Stored items:
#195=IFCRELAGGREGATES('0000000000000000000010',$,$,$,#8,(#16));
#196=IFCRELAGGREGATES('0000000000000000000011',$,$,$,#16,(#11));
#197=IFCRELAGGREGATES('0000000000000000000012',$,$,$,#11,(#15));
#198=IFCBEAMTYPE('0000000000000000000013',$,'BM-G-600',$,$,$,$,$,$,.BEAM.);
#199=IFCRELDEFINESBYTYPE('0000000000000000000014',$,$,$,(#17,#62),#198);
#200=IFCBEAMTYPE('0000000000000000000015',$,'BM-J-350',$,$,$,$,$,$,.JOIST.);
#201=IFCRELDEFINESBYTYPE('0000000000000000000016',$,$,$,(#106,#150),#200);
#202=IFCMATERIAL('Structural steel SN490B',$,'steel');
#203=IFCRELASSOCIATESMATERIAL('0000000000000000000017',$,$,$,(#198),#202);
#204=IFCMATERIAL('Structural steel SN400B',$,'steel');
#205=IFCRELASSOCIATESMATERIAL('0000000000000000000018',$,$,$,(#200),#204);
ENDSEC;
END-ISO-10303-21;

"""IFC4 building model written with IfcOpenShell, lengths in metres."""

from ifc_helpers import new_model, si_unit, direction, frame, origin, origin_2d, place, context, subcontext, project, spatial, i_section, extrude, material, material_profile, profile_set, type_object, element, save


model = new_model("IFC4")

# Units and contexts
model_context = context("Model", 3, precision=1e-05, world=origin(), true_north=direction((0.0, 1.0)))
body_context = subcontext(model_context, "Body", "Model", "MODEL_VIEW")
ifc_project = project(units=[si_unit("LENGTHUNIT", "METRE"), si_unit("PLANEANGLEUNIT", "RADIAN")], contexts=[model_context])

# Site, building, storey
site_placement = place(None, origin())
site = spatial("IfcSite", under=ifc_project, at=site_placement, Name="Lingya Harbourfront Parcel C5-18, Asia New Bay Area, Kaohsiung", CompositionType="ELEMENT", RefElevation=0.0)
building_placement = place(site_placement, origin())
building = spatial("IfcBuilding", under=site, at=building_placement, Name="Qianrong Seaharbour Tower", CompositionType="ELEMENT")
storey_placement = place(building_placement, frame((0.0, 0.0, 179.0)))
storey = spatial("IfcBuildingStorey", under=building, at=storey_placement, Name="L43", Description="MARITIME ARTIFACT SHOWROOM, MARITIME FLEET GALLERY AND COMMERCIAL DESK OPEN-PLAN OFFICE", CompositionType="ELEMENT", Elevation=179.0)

--

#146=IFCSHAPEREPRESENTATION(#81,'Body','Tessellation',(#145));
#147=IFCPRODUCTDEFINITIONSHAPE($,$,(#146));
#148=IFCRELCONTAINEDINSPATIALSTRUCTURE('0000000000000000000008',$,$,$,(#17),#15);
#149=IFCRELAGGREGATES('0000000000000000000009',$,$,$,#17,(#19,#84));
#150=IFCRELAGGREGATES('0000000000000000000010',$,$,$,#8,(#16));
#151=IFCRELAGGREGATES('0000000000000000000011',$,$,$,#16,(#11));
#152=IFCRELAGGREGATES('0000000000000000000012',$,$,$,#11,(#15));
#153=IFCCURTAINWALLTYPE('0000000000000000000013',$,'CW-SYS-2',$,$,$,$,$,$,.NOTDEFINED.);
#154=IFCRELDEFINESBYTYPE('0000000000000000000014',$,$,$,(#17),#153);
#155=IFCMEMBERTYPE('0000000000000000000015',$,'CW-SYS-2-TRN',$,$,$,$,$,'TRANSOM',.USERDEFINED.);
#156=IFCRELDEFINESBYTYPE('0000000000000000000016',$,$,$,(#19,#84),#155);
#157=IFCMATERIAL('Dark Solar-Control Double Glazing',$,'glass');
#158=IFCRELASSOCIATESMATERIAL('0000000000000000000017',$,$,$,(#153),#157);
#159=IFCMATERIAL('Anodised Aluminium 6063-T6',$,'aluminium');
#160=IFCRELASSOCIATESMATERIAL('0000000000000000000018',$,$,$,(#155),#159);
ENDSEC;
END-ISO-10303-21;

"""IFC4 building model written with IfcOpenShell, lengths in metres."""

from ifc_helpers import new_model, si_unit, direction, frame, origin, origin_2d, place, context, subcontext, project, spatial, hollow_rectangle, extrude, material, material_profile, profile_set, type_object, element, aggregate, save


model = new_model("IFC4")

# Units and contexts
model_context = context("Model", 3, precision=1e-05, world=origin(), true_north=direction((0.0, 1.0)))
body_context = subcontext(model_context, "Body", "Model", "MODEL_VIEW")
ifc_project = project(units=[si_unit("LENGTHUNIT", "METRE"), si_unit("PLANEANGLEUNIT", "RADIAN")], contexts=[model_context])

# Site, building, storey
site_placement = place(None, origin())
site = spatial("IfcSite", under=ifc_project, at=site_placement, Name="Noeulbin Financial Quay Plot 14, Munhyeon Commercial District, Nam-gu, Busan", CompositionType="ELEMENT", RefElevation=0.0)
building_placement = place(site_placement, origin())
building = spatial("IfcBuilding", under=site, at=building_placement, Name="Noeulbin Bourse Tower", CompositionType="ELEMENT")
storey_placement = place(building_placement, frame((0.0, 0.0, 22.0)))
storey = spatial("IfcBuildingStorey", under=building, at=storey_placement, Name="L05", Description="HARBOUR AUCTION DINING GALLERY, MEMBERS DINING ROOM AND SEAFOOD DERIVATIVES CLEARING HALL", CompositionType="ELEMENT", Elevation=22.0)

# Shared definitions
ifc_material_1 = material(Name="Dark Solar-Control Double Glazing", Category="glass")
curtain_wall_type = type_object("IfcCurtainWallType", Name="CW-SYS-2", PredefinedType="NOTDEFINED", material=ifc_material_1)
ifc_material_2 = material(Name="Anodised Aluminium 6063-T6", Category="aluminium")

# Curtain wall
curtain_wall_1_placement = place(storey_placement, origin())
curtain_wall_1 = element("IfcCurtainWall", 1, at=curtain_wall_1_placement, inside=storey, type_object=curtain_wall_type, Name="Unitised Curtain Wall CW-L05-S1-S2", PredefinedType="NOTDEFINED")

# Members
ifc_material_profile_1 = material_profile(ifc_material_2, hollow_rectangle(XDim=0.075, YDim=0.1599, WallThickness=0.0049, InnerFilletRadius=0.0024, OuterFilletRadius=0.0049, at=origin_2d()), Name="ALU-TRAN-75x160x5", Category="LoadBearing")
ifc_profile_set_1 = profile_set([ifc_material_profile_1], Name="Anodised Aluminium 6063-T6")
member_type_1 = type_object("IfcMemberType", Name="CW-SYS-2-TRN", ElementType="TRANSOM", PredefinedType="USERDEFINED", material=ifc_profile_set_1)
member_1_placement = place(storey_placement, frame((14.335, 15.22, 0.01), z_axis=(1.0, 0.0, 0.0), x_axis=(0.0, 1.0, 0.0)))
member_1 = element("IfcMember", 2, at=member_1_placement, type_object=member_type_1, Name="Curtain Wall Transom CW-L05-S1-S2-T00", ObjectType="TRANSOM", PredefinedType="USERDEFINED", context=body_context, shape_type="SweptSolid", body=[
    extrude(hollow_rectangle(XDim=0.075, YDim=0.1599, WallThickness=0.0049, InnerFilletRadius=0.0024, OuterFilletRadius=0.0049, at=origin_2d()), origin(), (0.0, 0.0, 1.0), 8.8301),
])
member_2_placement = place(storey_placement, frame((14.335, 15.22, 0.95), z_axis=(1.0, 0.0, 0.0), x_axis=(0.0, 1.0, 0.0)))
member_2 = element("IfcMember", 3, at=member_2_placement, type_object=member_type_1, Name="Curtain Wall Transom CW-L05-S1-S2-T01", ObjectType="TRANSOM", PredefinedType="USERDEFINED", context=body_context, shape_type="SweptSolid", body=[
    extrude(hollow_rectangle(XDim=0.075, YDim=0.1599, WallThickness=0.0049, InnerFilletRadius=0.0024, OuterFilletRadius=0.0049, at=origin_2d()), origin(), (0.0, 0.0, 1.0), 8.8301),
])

▶ **YOUR ASSIGNMENT**
Could you retype exactly the lines above, starting at the line that contains "#195=IFCRELAGGREGATES('0000000000000000000010',$,$,$,#8,(#16));" and ending at the line that contains "#202=IFCMATERIAL('Structural steel SN490B',$,'steel');", and nothing more?

▶ **RESULT OF THIS TASK**
#195=IFCRELAGGREGATES('0000000000000000000010',$,$,$,#8,(#16));
#196=IFCRELAGGREGATES('0000000000000000000011',$,$,$,#16,(#11));
#197=IFCRELAGGREGATES('0000000000000000000012',$,$,$,#11,(#15));
#198=IFCBEAMTYPE('0000000000000000000013',$,'BM-G-600',$,$,$,$,$,$,.BEAM.);
#199=IFCRELDEFINESBYTYPE('0000000000000000000014',$,$,$,(#17,#62),#198);
#200=IFCBEAMTYPE('0000000000000000000015',$,'BM-J-350',$,$,$,$,$,$,.JOIST.);
#201=IFCRELDEFINESBYTYPE('0000000000000000000016',$,$,$,(#106,#150),#200);
#202=IFCMATERIAL('Structural steel SN490B',$,'steel');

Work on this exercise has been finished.